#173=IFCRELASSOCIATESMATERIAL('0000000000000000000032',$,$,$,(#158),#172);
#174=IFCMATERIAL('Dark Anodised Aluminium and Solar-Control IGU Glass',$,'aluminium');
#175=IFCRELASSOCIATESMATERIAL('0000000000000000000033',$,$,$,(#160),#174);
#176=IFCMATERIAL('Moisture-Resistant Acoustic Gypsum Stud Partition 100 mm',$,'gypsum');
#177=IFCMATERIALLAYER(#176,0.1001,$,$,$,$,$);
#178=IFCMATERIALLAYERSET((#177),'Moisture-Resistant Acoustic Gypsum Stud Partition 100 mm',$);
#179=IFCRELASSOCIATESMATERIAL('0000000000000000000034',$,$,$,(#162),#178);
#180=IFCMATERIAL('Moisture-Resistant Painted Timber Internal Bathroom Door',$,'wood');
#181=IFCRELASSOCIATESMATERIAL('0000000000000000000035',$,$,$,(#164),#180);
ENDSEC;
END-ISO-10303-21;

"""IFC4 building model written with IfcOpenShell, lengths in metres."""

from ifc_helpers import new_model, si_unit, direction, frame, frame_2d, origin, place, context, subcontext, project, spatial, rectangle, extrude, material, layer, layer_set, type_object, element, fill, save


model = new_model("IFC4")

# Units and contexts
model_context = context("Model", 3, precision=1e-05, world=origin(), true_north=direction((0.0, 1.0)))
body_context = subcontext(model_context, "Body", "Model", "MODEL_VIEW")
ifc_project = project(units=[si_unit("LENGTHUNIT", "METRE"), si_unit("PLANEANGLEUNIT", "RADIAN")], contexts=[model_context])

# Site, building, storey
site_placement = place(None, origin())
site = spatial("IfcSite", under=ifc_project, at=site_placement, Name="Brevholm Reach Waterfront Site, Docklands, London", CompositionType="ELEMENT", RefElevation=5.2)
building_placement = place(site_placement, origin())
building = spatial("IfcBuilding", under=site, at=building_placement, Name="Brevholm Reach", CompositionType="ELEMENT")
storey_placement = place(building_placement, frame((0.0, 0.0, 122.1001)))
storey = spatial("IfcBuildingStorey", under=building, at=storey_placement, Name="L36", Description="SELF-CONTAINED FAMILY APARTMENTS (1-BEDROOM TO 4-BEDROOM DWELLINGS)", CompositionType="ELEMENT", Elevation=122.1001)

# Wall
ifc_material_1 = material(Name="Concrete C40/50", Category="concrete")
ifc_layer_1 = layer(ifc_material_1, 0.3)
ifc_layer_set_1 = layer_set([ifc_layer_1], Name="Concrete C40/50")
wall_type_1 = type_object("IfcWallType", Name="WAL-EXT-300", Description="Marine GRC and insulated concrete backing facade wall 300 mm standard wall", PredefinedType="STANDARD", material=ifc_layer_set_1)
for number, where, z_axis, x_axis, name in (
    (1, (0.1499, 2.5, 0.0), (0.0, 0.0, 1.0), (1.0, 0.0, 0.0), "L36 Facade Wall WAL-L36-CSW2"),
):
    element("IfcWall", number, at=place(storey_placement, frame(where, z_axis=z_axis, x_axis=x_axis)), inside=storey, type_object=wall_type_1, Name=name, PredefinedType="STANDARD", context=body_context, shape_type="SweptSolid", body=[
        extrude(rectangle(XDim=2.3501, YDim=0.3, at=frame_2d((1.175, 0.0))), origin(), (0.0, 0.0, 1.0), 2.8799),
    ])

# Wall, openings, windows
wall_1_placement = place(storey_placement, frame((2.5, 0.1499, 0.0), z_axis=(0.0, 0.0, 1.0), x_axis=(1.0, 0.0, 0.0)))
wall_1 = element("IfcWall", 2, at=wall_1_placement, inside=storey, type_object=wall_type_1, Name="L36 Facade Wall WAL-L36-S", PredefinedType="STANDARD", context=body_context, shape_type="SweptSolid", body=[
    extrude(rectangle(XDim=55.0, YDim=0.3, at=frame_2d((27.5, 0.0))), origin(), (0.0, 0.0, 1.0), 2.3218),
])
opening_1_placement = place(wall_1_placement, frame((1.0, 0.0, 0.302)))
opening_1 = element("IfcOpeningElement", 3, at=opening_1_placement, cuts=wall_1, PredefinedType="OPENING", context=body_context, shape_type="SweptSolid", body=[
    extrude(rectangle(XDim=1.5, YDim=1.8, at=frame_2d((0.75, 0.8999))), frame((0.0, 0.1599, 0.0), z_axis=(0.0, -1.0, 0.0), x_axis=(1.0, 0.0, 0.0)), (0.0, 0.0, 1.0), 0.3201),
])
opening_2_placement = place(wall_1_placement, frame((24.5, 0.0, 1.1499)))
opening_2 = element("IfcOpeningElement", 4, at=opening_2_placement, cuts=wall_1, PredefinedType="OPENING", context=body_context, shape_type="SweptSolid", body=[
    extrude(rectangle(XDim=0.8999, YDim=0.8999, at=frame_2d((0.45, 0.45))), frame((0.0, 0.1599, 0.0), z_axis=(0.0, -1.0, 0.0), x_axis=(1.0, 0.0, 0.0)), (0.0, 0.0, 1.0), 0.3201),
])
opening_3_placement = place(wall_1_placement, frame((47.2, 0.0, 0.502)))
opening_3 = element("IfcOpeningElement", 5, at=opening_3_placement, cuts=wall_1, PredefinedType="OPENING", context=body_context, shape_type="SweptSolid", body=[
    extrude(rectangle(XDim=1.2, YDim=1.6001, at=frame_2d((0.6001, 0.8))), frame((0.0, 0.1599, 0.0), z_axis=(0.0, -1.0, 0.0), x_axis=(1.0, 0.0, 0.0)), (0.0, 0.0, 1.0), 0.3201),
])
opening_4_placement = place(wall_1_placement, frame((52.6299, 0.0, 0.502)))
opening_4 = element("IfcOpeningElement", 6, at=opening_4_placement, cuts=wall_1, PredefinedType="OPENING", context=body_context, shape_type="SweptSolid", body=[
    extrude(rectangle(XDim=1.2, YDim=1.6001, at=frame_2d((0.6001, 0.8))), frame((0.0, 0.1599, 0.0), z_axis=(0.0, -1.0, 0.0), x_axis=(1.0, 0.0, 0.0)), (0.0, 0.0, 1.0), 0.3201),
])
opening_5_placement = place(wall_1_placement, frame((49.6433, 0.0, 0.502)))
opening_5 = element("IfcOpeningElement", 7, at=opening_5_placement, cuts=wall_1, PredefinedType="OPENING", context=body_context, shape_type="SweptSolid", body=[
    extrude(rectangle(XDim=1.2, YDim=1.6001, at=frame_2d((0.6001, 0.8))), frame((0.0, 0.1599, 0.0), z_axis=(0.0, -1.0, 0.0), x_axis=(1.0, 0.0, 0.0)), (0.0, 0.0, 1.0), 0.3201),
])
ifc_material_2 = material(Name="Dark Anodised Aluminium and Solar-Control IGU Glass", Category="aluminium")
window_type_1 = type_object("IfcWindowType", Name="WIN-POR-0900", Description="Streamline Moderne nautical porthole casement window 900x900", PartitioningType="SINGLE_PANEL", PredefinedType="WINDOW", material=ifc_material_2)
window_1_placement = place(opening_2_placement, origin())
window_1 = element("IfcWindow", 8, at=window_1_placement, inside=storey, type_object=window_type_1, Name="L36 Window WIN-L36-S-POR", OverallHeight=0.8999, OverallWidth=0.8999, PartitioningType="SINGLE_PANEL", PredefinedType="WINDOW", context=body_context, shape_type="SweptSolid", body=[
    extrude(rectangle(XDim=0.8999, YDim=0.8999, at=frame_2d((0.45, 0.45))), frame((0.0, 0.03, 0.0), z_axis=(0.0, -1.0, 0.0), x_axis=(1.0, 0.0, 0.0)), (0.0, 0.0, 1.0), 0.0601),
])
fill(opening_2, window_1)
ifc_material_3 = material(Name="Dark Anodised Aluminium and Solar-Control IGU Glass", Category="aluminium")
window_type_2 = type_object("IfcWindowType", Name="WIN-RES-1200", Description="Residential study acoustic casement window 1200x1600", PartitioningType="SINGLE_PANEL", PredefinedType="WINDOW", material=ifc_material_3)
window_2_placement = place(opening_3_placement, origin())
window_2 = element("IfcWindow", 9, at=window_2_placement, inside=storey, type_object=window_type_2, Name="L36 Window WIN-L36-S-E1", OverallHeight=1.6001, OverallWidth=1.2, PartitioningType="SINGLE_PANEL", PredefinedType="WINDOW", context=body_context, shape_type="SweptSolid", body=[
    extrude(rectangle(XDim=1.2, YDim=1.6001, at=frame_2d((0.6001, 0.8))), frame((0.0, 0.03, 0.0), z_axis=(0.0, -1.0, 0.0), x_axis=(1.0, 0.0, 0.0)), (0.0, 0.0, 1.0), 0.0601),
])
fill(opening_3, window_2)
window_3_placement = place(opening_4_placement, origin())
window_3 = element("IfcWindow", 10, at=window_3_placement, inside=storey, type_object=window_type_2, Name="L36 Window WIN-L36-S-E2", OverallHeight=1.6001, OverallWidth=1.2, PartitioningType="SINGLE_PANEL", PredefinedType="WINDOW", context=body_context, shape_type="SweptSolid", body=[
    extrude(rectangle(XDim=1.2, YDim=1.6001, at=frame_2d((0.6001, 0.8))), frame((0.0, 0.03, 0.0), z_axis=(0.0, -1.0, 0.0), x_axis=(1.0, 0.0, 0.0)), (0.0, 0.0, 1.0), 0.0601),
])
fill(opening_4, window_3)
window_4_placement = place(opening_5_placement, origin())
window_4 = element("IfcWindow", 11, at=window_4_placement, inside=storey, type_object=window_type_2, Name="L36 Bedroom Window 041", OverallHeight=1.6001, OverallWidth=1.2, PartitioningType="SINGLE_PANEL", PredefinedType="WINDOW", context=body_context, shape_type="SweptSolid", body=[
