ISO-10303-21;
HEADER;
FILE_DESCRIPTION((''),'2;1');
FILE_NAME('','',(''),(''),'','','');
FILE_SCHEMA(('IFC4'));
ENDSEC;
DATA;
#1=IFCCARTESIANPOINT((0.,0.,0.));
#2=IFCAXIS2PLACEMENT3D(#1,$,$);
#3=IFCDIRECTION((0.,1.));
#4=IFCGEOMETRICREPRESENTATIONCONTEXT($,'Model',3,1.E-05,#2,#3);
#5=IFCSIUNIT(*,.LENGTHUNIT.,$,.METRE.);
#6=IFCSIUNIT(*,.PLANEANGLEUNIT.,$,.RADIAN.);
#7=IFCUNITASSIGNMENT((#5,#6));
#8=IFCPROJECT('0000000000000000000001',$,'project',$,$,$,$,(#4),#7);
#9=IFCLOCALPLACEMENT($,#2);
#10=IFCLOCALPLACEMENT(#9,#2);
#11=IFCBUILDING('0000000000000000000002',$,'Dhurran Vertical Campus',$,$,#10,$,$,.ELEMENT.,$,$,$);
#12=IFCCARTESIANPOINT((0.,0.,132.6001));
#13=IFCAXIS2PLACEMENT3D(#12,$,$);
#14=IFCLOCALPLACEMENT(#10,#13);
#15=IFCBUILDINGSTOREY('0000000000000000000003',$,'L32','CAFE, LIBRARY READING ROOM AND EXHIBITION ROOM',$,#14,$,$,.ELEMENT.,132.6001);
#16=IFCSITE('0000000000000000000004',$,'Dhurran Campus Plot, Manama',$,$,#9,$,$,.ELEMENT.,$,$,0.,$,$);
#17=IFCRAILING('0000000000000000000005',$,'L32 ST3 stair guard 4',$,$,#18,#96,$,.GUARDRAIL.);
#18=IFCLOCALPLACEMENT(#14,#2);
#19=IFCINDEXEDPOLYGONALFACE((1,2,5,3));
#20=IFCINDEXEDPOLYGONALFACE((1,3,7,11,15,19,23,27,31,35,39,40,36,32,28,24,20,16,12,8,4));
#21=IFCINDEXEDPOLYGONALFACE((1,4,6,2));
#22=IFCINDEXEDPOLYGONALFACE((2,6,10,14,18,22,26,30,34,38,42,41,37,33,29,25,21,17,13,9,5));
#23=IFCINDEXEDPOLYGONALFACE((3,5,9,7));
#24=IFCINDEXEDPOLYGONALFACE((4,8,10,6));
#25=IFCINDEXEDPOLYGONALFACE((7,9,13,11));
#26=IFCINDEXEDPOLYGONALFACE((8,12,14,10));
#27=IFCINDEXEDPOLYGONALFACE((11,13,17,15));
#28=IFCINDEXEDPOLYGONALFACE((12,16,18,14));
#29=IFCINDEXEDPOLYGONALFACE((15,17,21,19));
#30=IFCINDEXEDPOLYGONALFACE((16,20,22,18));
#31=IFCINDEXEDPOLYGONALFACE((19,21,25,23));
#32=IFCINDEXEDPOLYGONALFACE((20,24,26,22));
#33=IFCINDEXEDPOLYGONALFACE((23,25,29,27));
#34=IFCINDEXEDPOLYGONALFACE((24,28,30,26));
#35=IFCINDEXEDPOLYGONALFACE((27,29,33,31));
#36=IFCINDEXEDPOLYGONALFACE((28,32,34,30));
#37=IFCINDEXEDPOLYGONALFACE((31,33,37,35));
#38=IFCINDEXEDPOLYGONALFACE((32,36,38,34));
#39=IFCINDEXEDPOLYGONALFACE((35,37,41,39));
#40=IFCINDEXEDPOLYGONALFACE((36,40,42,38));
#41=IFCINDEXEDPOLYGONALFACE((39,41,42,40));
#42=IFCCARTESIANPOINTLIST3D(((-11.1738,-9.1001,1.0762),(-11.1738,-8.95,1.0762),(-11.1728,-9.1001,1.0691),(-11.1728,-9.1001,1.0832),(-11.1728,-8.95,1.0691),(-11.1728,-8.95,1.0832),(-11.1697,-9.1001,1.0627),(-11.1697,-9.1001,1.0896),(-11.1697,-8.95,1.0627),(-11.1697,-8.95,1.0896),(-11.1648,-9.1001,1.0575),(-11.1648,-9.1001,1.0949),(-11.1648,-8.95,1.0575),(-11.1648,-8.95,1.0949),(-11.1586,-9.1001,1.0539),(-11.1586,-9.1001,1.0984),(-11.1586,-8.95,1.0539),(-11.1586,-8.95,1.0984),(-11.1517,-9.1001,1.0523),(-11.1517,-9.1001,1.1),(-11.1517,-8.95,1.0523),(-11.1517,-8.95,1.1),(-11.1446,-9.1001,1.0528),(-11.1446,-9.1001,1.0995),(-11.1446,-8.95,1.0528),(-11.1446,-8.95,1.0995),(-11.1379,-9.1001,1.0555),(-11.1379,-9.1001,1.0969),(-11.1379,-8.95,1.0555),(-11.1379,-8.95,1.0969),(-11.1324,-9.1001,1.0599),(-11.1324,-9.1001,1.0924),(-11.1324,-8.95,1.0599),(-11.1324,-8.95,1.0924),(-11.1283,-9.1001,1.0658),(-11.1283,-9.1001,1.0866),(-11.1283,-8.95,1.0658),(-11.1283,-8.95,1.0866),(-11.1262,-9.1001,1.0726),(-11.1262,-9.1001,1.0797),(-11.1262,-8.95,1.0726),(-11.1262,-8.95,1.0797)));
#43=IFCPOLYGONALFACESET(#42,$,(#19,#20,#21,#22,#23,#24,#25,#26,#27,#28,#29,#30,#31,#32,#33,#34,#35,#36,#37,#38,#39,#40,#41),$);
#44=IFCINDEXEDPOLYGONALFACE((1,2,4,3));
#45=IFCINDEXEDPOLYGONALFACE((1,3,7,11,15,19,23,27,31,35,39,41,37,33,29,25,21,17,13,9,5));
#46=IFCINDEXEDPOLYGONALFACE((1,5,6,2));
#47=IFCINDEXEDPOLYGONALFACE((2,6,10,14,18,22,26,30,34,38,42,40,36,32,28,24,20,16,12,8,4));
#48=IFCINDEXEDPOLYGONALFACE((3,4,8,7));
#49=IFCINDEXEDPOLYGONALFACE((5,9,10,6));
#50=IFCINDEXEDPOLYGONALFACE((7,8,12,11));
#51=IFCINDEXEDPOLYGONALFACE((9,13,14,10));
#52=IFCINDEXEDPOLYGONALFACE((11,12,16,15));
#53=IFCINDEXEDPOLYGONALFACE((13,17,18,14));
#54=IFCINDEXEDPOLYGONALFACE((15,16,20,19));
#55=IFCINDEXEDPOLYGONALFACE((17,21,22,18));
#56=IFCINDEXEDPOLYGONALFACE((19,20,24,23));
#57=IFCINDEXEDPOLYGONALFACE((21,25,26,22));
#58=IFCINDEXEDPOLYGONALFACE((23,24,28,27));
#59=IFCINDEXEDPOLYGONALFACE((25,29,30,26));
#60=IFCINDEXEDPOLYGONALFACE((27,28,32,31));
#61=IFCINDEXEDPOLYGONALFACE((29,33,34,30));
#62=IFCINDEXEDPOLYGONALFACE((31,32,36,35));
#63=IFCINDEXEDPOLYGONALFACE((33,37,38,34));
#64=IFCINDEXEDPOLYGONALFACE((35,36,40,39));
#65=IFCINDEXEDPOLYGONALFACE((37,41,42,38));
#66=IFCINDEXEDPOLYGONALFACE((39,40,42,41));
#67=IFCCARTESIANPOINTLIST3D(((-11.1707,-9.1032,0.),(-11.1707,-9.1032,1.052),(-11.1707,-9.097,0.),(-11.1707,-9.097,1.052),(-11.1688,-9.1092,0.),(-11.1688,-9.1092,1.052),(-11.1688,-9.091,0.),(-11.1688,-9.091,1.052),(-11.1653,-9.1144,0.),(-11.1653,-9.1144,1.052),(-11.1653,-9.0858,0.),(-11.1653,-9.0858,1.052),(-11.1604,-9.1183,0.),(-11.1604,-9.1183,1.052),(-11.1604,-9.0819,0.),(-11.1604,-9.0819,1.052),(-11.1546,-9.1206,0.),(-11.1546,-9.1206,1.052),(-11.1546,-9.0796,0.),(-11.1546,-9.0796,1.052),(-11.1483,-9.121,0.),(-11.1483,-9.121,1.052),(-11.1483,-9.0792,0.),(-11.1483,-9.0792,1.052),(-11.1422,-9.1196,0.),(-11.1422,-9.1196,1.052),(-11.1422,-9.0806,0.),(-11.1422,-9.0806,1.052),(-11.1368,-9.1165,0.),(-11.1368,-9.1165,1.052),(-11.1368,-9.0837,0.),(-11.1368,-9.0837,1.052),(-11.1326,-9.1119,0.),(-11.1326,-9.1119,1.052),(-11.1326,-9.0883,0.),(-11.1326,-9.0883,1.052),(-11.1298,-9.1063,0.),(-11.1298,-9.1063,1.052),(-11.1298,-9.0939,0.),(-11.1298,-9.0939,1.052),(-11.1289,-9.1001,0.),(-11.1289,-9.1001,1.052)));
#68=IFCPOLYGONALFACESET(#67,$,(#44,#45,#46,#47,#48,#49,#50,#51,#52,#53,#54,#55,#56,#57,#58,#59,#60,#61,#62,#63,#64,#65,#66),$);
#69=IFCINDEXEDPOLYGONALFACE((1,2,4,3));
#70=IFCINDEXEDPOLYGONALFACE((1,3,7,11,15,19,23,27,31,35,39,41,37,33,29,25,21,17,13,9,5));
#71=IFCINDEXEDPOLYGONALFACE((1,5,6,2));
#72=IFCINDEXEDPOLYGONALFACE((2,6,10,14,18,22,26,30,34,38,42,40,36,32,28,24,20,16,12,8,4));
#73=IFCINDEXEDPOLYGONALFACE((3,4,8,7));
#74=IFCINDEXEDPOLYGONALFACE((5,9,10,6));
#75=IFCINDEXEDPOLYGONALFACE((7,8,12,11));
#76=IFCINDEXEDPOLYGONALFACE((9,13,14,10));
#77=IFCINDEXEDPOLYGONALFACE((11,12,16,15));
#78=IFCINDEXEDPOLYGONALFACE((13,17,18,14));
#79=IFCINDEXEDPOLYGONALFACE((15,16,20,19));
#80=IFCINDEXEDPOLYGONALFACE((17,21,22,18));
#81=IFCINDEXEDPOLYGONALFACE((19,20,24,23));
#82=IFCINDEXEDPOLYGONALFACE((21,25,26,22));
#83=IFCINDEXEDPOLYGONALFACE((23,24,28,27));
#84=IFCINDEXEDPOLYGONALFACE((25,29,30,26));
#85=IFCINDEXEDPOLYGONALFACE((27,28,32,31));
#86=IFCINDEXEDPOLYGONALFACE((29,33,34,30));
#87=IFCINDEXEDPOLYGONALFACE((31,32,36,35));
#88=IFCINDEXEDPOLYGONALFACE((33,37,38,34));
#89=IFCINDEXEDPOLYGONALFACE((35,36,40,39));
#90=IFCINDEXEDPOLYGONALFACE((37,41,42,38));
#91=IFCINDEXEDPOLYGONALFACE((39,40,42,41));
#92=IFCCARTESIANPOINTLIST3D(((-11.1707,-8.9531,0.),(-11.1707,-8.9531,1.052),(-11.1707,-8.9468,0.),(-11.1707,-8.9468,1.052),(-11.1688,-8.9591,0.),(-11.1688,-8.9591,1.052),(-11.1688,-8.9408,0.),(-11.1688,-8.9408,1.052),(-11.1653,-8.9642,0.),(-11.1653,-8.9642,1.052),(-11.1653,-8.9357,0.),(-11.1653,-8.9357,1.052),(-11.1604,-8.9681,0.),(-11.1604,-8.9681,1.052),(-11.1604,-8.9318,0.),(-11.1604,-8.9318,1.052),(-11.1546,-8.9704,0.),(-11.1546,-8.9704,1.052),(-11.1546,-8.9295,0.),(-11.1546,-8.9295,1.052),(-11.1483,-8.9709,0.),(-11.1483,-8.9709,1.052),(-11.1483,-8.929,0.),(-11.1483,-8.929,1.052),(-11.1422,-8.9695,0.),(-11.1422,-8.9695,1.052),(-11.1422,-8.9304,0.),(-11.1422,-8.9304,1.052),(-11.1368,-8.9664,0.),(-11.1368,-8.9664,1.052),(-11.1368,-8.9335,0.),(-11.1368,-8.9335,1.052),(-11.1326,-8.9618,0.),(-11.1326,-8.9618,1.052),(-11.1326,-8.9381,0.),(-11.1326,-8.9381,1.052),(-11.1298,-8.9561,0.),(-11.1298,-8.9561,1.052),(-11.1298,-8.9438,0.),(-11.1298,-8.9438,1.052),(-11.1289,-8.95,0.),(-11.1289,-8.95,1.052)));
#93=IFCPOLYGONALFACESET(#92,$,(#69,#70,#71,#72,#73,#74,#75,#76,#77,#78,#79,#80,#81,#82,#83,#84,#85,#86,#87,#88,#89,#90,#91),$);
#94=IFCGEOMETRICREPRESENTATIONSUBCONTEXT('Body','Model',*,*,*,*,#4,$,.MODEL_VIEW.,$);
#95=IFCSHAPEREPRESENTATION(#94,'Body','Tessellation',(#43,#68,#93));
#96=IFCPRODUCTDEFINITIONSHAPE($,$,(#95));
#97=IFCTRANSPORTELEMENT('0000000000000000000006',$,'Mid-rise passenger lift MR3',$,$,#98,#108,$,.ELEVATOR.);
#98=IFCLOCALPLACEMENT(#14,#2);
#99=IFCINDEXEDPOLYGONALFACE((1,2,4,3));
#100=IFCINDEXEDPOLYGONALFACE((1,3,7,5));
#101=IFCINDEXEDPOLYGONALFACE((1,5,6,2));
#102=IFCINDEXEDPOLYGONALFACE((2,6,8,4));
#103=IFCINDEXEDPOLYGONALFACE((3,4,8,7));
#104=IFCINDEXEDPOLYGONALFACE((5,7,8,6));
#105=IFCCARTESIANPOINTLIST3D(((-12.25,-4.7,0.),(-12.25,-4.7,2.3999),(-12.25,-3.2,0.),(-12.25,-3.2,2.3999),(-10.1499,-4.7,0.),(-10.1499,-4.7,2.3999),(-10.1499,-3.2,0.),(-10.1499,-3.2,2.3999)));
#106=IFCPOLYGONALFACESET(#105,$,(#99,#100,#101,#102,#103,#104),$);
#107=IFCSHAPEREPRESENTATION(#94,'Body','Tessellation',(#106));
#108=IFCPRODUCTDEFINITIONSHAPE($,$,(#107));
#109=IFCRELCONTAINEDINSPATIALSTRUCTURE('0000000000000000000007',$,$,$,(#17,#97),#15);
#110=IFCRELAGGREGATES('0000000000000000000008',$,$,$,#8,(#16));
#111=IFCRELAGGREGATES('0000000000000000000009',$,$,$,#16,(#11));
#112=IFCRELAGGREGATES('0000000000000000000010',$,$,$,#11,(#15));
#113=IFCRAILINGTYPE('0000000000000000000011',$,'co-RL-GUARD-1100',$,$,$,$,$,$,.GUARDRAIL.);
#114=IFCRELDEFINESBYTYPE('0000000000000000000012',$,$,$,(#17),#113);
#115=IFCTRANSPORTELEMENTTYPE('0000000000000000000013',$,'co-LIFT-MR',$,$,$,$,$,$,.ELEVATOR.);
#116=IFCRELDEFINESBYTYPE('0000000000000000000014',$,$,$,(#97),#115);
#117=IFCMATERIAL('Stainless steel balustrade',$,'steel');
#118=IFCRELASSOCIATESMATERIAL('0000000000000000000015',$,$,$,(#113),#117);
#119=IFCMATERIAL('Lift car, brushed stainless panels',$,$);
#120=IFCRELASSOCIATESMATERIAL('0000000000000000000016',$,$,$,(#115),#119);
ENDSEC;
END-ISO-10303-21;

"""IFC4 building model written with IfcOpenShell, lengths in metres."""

from ifc_helpers import new_model, si_unit, direction, frame, origin, origin_2d, place, context, subcontext, project, spatial, rectangle, circle, extrude, material, type_object, element, save


model = new_model("IFC4")

# Units and contexts
model_context = context("Model", 3, precision=1e-05, world=origin(), true_north=direction((0.0, 1.0)))
body_context = subcontext(model_context, "Body", "Model", "MODEL_VIEW")
ifc_project = project(units=[si_unit("LENGTHUNIT", "METRE"), si_unit("PLANEANGLEUNIT", "RADIAN")], contexts=[model_context])

# Site, building, storey
site_placement = place(None, origin())
site = spatial("IfcSite", under=ifc_project, at=site_placement, Name="Dhurran Campus Plot, Manama", CompositionType="ELEMENT", RefElevation=0.0)
building_placement = place(site_placement, origin())
building = spatial("IfcBuilding", under=site, at=building_placement, Name="Dhurran Vertical Campus", CompositionType="ELEMENT")
storey_placement = place(building_placement, frame((0.0, 0.0, 132.6001)))
storey = spatial("IfcBuildingStorey", under=building, at=storey_placement, Name="L32", Description="CAFE, LIBRARY READING ROOM AND EXHIBITION ROOM", CompositionType="ELEMENT", Elevation=132.6001)

# Railing
ifc_material_1 = material(Name="Stainless steel balustrade", Category="steel")
railing_type = type_object("IfcRailingType", Name="co-RL-GUARD-1100", PredefinedType="GUARDRAIL", material=ifc_material_1)
railing_1_placement = place(storey_placement, frame((-11.1499, -9.1001, 0.0)))
element("IfcRailing", 1, at=railing_1_placement, inside=storey, type_object=railing_type, Name="L32 ST3 stair guard 4", PredefinedType="GUARDRAIL", context=body_context, shape_type="SweptSolid", body=[
    extrude(circle(Radius=0.0239, at=origin_2d()), frame((0.0, 0.0, 1.0762), z_axis=(0.0, 1.0, 0.0), x_axis=(-1.0, 0.0, 0.0)), (0.0, 0.0, 1.0), 0.1501),
    extrude(circle(Radius=0.021, at=origin_2d()), origin(), (0.0, 0.0, 1.0), 1.052),
    extrude(circle(Radius=0.021, at=origin_2d()), frame((0.0, 0.1501, 0.0)), (0.0, 0.0, 1.0), 1.052),
])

+--

> [What is needed] What lines in the listing above contain the word "IFCRELASSOCIATESMATERIAL"? Show each one.

> [Written response]
#173=IFCRELASSOCIATESMATERIAL('0000000000000000000032',$,$,$,(#158),#172);
#175=IFCRELASSOCIATESMATERIAL('0000000000000000000033',$,$,$,(#160),#174);
#179=IFCRELASSOCIATESMATERIAL('0000000000000000000034',$,$,$,(#162),#178);
#181=IFCRELASSOCIATESMATERIAL('0000000000000000000035',$,$,$,(#164),#180);
#118=IFCRELASSOCIATESMATERIAL('0000000000000000000015',$,$,$,(#113),#117);
#120=IFCRELASSOCIATESMATERIAL('0000000000000000000016',$,$,$,(#115),#119);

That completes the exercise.